(WORK TASK) Using the records below, quote only the span that opens with the line containing "#138=IFCINDEXEDPOLYGONALFACE((33,37,38,34));" and closes with the line containing "#24=IFCINDEXEDPOLYGONALFACE((5,7,8,6));", exactly and inclusively.

(TASK INPUTS)

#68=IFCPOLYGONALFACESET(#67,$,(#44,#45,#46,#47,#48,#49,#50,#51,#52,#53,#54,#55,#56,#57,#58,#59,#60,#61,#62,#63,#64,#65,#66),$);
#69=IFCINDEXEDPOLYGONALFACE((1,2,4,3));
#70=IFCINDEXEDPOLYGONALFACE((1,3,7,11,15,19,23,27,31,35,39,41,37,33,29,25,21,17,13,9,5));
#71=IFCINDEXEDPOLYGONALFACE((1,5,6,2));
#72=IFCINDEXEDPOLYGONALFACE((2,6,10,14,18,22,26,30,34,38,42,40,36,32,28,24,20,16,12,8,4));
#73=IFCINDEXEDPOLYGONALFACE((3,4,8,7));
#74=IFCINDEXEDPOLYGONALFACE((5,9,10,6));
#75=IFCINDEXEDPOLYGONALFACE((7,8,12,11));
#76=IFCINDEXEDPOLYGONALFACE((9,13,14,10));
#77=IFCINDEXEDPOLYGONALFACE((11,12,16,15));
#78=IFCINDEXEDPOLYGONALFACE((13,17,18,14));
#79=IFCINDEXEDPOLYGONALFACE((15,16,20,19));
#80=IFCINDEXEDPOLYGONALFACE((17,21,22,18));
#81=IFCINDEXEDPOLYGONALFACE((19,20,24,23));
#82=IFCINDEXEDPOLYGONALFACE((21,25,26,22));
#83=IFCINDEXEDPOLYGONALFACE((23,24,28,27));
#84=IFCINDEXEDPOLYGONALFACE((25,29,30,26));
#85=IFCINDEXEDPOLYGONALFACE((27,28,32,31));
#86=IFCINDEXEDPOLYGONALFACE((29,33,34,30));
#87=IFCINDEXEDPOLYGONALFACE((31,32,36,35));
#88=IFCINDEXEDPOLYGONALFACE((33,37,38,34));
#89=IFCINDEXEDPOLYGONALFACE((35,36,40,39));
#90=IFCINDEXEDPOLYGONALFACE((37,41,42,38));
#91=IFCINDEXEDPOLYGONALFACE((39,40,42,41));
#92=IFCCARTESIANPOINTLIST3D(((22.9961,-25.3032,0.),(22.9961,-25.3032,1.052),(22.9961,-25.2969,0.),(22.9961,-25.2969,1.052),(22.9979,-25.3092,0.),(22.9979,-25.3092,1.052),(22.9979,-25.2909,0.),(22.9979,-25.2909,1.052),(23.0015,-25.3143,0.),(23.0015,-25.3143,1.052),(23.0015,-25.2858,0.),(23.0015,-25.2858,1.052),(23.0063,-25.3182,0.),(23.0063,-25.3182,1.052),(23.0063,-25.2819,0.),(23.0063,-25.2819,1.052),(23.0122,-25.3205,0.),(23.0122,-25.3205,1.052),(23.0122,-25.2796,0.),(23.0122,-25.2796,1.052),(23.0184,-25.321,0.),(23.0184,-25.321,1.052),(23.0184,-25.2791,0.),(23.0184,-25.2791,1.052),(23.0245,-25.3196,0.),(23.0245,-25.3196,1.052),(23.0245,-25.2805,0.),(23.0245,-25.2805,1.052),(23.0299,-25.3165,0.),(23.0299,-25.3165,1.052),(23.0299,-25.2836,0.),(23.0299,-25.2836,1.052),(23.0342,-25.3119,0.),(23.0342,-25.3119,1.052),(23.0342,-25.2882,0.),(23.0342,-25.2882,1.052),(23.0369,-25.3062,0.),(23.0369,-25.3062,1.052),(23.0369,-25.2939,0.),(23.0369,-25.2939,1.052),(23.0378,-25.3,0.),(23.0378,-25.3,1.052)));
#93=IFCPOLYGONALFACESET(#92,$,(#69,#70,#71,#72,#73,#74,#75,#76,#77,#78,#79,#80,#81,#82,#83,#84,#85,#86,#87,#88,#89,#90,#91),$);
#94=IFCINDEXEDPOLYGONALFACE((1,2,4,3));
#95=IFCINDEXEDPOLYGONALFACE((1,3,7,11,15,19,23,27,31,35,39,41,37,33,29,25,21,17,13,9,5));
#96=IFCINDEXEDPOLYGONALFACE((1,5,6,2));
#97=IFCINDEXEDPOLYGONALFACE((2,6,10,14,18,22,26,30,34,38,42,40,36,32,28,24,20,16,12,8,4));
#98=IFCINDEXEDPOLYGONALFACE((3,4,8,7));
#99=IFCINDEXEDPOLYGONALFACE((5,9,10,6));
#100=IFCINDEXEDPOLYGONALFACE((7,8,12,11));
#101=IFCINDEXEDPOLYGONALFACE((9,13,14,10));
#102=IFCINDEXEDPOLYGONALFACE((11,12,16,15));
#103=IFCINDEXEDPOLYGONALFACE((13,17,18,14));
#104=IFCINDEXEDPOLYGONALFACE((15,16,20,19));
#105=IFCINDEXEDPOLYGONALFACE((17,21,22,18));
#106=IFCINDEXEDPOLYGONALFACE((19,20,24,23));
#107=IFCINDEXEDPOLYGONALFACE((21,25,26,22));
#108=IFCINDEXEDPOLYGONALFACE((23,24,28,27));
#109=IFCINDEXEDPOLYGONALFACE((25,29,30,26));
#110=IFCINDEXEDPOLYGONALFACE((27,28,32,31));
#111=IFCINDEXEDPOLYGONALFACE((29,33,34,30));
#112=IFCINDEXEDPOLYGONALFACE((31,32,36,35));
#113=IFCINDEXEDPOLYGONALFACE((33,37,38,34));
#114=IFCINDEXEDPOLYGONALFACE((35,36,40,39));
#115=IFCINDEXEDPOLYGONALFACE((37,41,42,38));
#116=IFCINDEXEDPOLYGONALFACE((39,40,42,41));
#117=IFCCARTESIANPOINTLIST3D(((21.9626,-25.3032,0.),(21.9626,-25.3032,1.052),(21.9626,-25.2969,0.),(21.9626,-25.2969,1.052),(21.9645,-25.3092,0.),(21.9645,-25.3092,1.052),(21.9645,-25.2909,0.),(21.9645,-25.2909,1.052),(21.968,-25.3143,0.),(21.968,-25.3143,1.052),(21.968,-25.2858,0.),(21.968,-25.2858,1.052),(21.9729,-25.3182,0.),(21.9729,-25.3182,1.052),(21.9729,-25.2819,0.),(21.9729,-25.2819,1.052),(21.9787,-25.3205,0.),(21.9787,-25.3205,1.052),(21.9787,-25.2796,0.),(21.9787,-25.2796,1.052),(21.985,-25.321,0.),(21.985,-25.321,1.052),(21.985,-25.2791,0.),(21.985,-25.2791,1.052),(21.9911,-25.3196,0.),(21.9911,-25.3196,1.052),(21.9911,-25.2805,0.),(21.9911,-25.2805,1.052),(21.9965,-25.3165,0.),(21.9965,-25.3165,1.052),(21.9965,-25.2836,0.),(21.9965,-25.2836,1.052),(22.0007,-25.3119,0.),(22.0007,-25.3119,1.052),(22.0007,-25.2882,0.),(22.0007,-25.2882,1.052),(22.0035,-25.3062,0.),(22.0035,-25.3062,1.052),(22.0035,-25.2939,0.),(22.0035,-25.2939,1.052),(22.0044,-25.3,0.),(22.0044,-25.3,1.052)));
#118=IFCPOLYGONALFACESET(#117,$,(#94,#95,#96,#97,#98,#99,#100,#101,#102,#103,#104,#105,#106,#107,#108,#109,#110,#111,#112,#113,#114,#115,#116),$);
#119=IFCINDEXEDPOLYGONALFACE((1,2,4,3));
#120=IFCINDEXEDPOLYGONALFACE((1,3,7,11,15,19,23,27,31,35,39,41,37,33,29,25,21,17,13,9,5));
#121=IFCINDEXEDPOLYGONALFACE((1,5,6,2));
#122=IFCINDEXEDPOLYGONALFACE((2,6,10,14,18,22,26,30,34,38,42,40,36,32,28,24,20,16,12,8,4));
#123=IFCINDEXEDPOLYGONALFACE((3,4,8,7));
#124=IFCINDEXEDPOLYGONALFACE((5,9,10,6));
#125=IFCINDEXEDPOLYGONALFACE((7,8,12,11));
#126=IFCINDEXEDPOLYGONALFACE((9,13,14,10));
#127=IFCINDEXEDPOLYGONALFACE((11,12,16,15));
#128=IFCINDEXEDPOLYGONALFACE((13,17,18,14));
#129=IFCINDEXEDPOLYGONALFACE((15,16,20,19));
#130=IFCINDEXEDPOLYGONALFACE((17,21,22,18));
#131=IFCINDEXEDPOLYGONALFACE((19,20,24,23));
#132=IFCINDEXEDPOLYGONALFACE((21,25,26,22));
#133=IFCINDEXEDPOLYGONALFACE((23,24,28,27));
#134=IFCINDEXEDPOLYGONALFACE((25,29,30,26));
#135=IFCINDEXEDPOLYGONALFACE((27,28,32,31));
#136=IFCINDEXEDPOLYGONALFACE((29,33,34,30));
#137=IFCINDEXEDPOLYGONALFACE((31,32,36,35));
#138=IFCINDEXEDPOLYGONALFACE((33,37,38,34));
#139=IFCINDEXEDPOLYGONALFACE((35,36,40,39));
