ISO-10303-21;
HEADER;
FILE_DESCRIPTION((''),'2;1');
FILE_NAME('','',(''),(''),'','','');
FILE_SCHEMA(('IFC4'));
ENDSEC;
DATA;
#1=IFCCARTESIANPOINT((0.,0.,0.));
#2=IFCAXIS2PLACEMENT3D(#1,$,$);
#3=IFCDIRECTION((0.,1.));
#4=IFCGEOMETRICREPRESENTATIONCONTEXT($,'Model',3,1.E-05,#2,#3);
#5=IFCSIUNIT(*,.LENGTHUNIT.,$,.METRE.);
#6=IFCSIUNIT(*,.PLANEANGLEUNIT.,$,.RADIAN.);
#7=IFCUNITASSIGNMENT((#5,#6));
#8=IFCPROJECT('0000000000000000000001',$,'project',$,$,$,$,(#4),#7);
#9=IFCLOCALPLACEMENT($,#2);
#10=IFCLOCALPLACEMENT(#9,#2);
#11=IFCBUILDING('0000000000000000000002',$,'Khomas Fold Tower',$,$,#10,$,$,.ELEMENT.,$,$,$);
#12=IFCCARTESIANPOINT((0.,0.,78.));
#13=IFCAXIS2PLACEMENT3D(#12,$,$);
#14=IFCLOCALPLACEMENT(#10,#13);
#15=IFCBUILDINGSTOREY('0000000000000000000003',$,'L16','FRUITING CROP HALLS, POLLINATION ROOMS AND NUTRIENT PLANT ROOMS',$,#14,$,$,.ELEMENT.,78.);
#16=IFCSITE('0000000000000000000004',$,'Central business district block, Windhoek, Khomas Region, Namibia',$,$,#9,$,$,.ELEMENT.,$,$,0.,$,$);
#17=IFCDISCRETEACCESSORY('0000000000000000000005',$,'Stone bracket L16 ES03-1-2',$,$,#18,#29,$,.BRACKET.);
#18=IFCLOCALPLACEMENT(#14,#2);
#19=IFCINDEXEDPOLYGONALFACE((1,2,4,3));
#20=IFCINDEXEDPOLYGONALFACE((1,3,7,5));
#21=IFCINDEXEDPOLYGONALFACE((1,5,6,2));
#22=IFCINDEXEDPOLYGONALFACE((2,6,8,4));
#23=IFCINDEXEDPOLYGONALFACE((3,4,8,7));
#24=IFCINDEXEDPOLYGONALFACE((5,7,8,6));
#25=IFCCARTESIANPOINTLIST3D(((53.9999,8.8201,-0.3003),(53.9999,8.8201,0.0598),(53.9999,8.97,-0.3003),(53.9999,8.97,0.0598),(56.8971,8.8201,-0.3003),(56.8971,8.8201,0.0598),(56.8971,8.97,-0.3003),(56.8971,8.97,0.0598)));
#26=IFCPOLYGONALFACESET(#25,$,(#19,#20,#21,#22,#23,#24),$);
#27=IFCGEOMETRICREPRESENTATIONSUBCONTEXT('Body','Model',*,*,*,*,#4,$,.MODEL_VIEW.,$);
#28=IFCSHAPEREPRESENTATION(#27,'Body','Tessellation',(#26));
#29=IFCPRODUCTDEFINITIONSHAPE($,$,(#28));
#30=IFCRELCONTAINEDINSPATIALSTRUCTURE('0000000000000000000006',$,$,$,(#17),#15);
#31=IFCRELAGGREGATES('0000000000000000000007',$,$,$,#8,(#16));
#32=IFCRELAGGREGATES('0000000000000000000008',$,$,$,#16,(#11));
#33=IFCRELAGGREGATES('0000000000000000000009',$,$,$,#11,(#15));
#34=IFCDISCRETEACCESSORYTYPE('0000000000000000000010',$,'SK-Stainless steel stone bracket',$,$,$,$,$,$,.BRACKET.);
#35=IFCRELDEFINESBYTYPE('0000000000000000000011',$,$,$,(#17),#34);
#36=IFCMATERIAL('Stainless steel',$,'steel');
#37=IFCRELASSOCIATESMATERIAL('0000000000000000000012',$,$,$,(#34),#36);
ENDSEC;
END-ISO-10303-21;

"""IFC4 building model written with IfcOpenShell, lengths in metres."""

from ifc_helpers import new_model, si_unit, direction, frame, origin, origin_2d, place, context, subcontext, project, spatial, rectangle, extrude, source, transform, mapped, material, type_object, element, save


model = new_model("IFC4")

# Units and contexts
model_context = context("Model", 3, precision=1e-05, world=origin(), true_north=direction((0.0, 1.0)))
body_context = subcontext(model_context, "Body", "Model", "MODEL_VIEW")
ifc_project = project(units=[si_unit("LENGTHUNIT", "METRE"), si_unit("PLANEANGLEUNIT", "RADIAN")], contexts=[model_context])

# Site, building, storey
site_placement = place(None, origin())
site = spatial("IfcSite", under=ifc_project, at=site_placement, Name="Central business district block, Windhoek, Khomas Region, Namibia", CompositionType="ELEMENT", RefElevation=0.0)
building_placement = place(site_placement, origin())
building = spatial("IfcBuilding", under=site, at=building_placement, Name="Khomas Fold Tower", CompositionType="ELEMENT")
storey_placement = place(building_placement, frame((0.0, 0.0, 78.0)))
storey = spatial("IfcBuildingStorey", under=building, at=storey_placement, Name="L16", Description="FRUITING CROP HALLS, POLLINATION ROOMS AND NUTRIENT PLANT ROOMS", CompositionType="ELEMENT", Elevation=78.0)

# Discrete accessory
ifc_material_1 = material(Name="Stainless steel", Category="steel")
discrete_accessory_type = type_object("IfcDiscreteAccessoryType", Name="SK-Stainless steel stone bracket", PredefinedType="BRACKET", material=ifc_material_1)
shared_shape_1 = source(origin(), body_context, "Body", "SweptSolid", [
    extrude(rectangle(XDim=2.8972, YDim=0.1499, at=origin_2d()), origin(), (0.0, 0.0, 1.0), 0.3601),
])
discrete_accessory_placement = place(storey_placement, frame((55.4485, 8.895, -0.3003), z_axis=(0.0, 0.0, 1.0), x_axis=(1.0, 0.0, 0.0)))
element("IfcDiscreteAccessory", 1, at=discrete_accessory_placement, inside=storey, type_object=discrete_accessory_type, Name="Stone bracket L16 ES03-1-2", PredefinedType="BRACKET", context=body_context, shape_type="MappedRepresentation", body=[
    mapped(shared_shape_1, transform((0.0, 0.0, 0.0))),
])

save(model, "model.ifc")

(SOLUTION TO THIS EXERCISE)
#138=IFCINDEXEDPOLYGONALFACE((33,37,38,34));
#139=IFCINDEXEDPOLYGONALFACE((35,36,40,39));
ISO-10303-21;
HEADER;
FILE_DESCRIPTION((''),'2;1');
FILE_NAME('','',(''),(''),'','','');
FILE_SCHEMA(('IFC4'));
ENDSEC;
DATA;
#1=IFCCARTESIANPOINT((0.,0.,0.));
#2=IFCAXIS2PLACEMENT3D(#1,$,$);
#3=IFCDIRECTION((0.,1.));
#4=IFCGEOMETRICREPRESENTATIONCONTEXT($,'Model',3,1.E-05,#2,#3);
#5=IFCSIUNIT(*,.LENGTHUNIT.,$,.METRE.);
#6=IFCSIUNIT(*,.PLANEANGLEUNIT.,$,.RADIAN.);
#7=IFCUNITASSIGNMENT((#5,#6));
#8=IFCPROJECT('0000000000000000000001',$,'project',$,$,$,$,(#4),#7);
#9=IFCLOCALPLACEMENT($,#2);
#10=IFCLOCALPLACEMENT(#9,#2);
#11=IFCBUILDING('0000000000000000000002',$,'Khomas Fold Tower',$,$,#10,$,$,.ELEMENT.,$,$,$);
#12=IFCCARTESIANPOINT((0.,0.,78.));
#13=IFCAXIS2PLACEMENT3D(#12,$,$);
#14=IFCLOCALPLACEMENT(#10,#13);
#15=IFCBUILDINGSTOREY('0000000000000000000003',$,'L16','FRUITING CROP HALLS, POLLINATION ROOMS AND NUTRIENT PLANT ROOMS',$,#14,$,$,.ELEMENT.,78.);
#16=IFCSITE('0000000000000000000004',$,'Central business district block, Windhoek, Khomas Region, Namibia',$,$,#9,$,$,.ELEMENT.,$,$,0.,$,$);
#17=IFCDISCRETEACCESSORY('0000000000000000000005',$,'Stone bracket L16 ES03-1-2',$,$,#18,#29,$,.BRACKET.);
#18=IFCLOCALPLACEMENT(#14,#2);
#19=IFCINDEXEDPOLYGONALFACE((1,2,4,3));
#20=IFCINDEXEDPOLYGONALFACE((1,3,7,5));
#21=IFCINDEXEDPOLYGONALFACE((1,5,6,2));
#22=IFCINDEXEDPOLYGONALFACE((2,6,8,4));
#23=IFCINDEXEDPOLYGONALFACE((3,4,8,7));
#24=IFCINDEXEDPOLYGONALFACE((5,7,8,6));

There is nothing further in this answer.